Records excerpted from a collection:

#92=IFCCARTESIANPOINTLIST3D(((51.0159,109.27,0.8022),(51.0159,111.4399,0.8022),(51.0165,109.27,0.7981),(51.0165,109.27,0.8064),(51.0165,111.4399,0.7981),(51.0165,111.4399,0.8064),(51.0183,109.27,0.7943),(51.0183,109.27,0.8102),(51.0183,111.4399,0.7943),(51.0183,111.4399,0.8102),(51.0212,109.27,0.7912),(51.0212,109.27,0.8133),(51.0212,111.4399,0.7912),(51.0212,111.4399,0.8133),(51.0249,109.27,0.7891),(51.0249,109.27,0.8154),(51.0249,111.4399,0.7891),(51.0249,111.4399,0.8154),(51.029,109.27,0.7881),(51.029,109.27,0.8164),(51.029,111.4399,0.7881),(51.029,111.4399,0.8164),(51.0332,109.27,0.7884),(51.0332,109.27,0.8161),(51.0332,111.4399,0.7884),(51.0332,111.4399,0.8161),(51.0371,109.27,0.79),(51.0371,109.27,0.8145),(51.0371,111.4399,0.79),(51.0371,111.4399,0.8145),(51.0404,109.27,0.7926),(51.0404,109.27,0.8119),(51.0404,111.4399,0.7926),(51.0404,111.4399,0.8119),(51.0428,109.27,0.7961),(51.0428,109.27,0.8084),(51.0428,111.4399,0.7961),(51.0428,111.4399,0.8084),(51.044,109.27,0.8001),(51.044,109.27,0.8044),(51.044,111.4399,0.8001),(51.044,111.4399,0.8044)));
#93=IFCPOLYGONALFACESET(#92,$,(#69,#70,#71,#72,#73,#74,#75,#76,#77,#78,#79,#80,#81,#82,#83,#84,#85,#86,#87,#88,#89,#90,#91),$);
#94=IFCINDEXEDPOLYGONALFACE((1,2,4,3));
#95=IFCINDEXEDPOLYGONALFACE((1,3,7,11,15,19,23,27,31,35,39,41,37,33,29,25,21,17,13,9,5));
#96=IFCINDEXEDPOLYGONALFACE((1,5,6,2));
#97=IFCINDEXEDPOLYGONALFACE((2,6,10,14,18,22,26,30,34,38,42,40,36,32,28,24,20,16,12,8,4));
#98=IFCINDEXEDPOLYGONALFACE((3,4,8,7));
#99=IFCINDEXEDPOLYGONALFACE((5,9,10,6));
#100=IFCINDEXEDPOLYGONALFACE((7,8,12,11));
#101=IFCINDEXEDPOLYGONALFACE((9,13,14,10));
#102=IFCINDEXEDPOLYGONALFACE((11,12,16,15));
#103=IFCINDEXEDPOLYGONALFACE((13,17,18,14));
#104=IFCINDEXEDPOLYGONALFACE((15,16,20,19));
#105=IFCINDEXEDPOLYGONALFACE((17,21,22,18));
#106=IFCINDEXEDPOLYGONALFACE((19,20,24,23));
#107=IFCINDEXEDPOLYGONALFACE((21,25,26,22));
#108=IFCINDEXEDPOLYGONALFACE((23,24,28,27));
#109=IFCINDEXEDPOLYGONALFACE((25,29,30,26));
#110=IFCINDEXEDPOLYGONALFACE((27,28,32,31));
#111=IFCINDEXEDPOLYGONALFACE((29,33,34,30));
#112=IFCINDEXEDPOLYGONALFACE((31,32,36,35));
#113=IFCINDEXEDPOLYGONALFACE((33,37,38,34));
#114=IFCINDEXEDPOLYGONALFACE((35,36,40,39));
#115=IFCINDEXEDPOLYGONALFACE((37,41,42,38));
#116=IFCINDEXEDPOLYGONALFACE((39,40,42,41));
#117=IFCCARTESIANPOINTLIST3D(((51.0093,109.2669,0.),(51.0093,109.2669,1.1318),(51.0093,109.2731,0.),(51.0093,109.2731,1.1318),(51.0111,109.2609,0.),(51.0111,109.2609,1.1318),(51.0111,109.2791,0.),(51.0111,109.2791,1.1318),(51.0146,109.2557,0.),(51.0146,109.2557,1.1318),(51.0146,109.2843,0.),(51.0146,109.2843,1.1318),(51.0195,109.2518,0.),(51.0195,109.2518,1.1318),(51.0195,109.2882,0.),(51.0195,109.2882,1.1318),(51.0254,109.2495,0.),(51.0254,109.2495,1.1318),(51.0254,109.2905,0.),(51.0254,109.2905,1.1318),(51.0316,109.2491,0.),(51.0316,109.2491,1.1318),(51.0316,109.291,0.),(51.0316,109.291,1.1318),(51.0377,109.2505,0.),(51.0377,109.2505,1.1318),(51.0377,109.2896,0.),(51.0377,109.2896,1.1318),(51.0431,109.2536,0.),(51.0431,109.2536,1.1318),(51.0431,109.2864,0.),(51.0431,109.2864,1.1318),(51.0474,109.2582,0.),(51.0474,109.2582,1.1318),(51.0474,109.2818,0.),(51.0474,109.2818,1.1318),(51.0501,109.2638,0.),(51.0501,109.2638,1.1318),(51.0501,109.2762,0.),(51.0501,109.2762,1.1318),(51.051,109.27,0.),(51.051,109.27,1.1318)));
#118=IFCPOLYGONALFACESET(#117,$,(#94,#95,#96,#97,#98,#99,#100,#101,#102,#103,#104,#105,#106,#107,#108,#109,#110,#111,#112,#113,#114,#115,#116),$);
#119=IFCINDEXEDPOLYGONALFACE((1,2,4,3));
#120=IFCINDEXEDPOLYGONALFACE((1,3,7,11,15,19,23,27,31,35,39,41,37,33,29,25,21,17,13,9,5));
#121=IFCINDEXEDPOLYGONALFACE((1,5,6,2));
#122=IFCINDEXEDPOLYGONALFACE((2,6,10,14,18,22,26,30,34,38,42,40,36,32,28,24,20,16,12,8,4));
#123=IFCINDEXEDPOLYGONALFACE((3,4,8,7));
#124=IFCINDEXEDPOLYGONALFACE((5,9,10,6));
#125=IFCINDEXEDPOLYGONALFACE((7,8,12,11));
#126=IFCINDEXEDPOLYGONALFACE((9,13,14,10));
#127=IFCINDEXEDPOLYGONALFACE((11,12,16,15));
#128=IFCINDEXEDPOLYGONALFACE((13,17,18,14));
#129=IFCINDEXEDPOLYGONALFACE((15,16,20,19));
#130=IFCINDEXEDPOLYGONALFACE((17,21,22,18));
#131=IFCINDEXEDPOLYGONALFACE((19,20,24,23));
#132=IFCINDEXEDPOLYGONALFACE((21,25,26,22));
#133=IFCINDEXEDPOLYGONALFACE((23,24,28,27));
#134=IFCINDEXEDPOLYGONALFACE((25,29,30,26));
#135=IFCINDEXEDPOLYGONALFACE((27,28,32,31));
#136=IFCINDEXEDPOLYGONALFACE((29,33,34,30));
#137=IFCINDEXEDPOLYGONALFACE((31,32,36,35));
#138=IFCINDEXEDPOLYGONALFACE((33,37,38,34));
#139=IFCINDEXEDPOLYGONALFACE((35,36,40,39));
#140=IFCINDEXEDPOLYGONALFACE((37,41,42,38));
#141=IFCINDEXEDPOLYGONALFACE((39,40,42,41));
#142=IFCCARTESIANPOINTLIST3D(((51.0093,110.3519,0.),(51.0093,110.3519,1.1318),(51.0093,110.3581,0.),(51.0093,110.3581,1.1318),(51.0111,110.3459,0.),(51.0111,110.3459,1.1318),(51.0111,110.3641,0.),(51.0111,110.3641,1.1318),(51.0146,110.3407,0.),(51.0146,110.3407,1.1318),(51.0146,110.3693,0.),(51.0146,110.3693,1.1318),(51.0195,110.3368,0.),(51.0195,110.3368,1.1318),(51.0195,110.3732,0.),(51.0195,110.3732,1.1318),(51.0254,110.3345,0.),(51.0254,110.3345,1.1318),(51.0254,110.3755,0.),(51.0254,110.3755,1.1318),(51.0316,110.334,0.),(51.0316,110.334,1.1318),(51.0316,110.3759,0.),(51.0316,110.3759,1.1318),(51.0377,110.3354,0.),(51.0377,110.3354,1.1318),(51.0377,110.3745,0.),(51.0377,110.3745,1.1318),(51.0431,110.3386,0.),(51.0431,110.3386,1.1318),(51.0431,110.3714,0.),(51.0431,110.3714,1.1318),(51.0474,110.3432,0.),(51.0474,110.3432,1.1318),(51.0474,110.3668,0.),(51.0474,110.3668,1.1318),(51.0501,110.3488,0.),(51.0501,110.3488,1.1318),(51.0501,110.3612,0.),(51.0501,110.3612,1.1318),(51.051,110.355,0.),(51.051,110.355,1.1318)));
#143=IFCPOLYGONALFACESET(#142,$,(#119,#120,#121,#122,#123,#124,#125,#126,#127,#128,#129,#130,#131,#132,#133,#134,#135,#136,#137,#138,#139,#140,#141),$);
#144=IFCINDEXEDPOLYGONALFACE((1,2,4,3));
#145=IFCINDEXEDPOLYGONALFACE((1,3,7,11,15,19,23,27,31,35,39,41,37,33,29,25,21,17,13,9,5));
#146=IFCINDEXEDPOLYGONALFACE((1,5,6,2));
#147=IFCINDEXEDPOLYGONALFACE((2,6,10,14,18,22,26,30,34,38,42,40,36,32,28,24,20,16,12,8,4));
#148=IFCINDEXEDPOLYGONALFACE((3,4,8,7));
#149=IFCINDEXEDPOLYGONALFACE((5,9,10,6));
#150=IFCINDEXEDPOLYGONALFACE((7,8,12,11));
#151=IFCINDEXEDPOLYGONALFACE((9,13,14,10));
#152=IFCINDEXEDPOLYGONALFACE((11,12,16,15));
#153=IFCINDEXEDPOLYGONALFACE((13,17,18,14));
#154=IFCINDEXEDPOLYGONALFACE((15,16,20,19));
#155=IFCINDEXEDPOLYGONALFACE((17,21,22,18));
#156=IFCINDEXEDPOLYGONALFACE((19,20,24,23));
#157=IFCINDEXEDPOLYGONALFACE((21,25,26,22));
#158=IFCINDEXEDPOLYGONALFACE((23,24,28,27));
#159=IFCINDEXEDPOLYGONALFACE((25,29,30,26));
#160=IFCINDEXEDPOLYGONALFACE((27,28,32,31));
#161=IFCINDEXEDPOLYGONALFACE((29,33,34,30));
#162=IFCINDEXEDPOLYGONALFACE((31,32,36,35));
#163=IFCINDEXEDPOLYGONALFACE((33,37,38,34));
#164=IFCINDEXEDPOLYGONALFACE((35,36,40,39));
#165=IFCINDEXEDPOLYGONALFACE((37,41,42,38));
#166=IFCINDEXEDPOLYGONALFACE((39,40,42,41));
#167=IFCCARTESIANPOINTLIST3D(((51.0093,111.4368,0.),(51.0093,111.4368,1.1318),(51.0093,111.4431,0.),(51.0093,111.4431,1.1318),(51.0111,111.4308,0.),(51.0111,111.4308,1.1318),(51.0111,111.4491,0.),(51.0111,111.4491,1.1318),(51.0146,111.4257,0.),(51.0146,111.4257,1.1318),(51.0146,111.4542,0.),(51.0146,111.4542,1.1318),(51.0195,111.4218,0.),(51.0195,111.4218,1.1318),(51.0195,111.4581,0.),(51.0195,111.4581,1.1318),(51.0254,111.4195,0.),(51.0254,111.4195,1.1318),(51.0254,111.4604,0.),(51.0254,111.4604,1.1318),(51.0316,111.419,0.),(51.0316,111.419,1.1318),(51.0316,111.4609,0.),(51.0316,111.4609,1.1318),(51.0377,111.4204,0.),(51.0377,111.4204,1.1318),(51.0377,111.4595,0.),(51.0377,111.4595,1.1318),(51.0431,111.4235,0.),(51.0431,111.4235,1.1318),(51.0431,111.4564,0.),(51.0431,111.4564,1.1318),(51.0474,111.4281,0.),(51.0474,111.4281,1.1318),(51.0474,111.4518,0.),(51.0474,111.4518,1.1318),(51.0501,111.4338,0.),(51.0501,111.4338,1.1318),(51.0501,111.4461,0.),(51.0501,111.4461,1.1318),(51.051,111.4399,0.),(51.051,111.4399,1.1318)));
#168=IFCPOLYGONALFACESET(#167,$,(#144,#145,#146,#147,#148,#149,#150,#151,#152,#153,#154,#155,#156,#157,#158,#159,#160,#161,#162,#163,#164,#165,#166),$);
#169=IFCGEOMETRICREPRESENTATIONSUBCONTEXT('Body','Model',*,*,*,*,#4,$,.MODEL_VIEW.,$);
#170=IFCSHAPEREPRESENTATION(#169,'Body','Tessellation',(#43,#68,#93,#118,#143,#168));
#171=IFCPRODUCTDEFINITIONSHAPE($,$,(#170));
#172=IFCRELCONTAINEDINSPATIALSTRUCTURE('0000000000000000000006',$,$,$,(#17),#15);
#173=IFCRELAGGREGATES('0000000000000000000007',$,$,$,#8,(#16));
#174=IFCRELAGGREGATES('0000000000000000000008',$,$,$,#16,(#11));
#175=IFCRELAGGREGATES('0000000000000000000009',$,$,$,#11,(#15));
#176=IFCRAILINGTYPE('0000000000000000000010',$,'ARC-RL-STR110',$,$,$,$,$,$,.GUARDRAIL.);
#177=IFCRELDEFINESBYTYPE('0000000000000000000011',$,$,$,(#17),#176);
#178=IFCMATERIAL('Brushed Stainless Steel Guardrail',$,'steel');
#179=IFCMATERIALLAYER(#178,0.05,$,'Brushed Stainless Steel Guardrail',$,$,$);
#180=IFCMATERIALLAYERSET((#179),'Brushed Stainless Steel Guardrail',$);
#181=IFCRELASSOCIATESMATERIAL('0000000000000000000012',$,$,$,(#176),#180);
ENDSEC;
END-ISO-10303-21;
---
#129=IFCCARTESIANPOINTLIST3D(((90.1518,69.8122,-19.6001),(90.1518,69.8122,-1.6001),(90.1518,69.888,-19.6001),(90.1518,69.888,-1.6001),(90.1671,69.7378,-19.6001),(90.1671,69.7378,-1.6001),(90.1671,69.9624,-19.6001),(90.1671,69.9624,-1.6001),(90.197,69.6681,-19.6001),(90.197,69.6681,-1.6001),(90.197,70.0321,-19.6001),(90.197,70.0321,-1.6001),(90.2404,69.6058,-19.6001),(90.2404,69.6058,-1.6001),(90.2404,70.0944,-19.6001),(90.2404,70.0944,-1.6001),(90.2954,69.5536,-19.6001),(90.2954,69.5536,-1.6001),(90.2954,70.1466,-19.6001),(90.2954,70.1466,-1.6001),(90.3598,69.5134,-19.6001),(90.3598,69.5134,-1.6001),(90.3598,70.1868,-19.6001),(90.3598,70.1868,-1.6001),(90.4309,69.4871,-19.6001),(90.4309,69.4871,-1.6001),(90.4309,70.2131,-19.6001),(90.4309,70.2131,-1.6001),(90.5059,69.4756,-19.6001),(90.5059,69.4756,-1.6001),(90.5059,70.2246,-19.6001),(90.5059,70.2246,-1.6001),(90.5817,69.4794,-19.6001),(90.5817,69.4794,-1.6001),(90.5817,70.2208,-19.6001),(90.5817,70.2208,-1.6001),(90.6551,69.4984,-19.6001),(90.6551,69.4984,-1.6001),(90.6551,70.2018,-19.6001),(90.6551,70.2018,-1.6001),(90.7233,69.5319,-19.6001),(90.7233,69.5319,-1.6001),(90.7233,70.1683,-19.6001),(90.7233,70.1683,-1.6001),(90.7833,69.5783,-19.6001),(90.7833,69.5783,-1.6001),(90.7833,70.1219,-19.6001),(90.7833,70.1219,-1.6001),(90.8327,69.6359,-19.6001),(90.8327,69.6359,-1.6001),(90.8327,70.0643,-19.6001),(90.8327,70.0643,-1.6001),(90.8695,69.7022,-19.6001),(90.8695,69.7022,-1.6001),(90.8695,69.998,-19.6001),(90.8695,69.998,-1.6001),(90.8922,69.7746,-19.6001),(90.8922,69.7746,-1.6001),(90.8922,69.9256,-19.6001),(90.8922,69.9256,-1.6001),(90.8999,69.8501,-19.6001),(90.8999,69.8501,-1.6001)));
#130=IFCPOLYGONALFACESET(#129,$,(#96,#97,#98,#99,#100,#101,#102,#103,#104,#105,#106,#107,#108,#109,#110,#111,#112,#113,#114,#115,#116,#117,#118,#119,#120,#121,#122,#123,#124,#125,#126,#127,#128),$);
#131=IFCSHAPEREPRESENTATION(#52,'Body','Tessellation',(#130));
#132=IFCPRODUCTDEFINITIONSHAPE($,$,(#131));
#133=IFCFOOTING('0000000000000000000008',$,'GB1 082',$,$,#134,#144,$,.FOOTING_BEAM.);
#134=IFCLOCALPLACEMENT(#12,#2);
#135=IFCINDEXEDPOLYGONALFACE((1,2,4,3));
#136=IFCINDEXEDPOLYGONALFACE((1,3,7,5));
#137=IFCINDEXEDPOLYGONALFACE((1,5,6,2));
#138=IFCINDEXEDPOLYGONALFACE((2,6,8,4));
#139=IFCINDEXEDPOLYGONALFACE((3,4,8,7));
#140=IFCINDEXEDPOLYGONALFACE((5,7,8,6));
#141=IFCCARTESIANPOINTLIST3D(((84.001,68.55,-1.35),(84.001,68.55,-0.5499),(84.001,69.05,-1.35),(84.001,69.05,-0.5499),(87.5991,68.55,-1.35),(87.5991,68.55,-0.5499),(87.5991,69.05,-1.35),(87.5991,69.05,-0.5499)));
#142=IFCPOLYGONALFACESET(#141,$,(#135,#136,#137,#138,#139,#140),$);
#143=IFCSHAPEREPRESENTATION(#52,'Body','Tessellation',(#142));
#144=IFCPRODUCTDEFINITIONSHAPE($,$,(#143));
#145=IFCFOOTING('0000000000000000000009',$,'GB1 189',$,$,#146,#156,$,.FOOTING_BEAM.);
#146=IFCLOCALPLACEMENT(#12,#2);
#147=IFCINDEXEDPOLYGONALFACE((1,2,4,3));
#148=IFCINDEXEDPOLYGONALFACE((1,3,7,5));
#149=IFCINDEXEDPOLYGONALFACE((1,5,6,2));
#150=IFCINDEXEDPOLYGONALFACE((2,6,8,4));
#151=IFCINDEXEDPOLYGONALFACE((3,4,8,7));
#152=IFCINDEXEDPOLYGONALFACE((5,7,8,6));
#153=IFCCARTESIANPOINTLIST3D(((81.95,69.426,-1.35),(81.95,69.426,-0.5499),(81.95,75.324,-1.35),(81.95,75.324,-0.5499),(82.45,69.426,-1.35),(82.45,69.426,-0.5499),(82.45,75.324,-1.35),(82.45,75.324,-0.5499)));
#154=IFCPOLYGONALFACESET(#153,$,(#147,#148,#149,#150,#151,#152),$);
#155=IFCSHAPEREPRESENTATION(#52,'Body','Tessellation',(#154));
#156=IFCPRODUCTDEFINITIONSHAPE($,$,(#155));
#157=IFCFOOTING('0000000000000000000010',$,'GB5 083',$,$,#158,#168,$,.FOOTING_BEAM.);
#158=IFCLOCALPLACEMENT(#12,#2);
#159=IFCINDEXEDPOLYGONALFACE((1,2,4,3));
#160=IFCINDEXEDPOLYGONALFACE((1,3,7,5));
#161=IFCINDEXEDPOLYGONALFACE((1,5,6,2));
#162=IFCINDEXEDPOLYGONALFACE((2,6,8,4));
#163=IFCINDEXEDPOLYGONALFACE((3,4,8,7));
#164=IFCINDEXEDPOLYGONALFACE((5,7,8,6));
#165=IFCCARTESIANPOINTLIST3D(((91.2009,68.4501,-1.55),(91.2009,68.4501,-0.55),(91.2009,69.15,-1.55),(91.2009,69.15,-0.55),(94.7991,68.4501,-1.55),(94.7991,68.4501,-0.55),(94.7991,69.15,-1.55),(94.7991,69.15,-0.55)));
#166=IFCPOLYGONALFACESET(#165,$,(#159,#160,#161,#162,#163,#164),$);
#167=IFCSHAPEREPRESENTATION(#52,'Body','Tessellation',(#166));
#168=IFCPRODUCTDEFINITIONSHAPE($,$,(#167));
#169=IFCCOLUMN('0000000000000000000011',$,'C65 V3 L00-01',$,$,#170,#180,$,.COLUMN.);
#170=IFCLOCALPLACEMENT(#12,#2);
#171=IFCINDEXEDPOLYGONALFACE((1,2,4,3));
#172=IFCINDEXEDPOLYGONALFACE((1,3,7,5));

Task to complete: Write out exactly the lines above from the line with "#159=IFCINDEXEDPOLYGONALFACE((25,29,30,26));" through the line with "#166=IFCINDEXEDPOLYGONALFACE((39,40,42,41));", both of them included, and leave out all other lines.

Solution to the exercise:
#159=IFCINDEXEDPOLYGONALFACE((25,29,30,26));
#160=IFCINDEXEDPOLYGONALFACE((27,28,32,31));
#161=IFCINDEXEDPOLYGONALFACE((29,33,34,30));
#162=IFCINDEXEDPOLYGONALFACE((31,32,36,35));
#163=IFCINDEXEDPOLYGONALFACE((33,37,38,34));
#164=IFCINDEXEDPOLYGONALFACE((35,36,40,39));
#165=IFCINDEXEDPOLYGONALFACE((37,41,42,38));
#166=IFCINDEXEDPOLYGONALFACE((39,40,42,41));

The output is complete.